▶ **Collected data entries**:
Segment Open
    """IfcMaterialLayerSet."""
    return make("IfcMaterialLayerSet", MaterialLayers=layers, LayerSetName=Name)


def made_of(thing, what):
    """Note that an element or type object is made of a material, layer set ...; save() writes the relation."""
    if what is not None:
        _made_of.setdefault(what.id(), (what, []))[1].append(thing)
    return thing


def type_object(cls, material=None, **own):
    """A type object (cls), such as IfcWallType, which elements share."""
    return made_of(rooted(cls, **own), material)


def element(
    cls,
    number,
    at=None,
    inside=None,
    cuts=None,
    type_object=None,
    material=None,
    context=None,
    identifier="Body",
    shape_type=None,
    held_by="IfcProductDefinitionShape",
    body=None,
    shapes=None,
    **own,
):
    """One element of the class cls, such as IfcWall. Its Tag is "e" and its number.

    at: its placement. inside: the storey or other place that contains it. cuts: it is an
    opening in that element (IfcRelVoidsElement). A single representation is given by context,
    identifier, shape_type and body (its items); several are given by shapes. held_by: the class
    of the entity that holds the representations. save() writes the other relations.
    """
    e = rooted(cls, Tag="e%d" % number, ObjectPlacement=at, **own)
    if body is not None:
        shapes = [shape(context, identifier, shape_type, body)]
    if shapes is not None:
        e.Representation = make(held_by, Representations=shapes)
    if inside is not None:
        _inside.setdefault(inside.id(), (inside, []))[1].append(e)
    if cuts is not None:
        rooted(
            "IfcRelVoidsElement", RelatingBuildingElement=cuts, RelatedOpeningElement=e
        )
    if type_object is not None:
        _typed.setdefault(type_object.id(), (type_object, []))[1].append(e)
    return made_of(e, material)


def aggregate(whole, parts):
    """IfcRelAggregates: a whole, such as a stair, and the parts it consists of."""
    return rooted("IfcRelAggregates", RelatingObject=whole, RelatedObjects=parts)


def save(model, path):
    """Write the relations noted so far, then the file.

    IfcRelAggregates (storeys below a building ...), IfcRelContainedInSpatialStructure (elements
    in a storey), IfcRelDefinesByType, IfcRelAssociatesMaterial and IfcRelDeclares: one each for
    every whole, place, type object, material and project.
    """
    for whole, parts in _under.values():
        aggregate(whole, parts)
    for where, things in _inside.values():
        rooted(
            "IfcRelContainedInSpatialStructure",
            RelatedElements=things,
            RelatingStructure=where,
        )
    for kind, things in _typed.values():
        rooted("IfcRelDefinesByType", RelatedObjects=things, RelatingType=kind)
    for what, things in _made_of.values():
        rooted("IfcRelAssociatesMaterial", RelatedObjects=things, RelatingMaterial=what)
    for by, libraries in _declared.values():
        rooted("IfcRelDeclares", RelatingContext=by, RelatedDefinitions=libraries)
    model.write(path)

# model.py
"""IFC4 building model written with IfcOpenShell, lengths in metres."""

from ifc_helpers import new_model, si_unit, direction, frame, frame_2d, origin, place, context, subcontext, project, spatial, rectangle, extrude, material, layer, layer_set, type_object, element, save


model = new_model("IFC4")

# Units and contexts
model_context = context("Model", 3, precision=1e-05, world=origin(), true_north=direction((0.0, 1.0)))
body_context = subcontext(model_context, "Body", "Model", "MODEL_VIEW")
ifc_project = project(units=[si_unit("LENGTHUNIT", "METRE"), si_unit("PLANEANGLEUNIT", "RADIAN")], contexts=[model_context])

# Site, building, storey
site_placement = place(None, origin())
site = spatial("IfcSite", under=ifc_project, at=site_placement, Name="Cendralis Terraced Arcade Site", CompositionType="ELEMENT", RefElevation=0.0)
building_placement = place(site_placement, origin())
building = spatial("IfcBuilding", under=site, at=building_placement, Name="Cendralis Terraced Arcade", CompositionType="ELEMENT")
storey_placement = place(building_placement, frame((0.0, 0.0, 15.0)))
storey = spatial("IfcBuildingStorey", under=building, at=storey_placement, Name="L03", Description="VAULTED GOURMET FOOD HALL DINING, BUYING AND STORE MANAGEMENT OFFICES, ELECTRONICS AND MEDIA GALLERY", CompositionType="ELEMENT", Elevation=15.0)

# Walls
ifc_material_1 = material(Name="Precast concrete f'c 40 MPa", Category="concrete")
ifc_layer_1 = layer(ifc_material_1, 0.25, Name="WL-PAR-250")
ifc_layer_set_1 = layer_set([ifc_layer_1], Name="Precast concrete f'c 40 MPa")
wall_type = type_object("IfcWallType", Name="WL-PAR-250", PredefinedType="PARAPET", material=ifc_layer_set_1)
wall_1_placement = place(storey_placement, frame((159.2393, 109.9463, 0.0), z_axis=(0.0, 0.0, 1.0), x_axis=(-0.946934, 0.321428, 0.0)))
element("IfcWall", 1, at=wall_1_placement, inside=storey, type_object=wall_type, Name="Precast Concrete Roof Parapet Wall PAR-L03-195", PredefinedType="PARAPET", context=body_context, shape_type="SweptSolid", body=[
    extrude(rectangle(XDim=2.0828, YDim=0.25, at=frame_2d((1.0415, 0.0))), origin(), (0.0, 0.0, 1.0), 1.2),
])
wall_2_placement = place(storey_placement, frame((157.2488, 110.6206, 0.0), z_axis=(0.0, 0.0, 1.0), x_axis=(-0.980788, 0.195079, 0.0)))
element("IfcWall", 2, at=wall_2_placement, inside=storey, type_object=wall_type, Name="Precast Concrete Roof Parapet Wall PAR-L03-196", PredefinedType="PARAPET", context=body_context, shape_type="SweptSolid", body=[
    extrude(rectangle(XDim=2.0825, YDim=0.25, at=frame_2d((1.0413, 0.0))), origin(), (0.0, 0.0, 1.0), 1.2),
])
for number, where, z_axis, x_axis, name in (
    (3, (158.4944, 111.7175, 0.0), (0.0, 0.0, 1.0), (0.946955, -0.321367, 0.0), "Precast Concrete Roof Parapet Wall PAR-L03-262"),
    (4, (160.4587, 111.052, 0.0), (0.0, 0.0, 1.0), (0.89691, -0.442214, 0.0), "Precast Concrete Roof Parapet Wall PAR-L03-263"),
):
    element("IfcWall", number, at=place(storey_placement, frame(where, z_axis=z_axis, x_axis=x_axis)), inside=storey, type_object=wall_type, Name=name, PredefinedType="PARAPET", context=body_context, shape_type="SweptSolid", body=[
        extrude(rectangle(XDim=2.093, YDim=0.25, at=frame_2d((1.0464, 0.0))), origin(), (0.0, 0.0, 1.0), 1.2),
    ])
Segment Closed
▶ **PROMPT**:
For this exercise, please output exactly the lines above starting at the line with "of the entity" and ending at the line with "if shapes is", ends included.

▶ **RESPONSE BELOW**:
    of the entity that holds the representations. save() writes the other relations.
    """
    e = rooted(cls, Tag="e%d" % number, ObjectPlacement=at, **own)
    if body is not None:
        shapes = [shape(context, identifier, shape_type, body)]
    if shapes is not None:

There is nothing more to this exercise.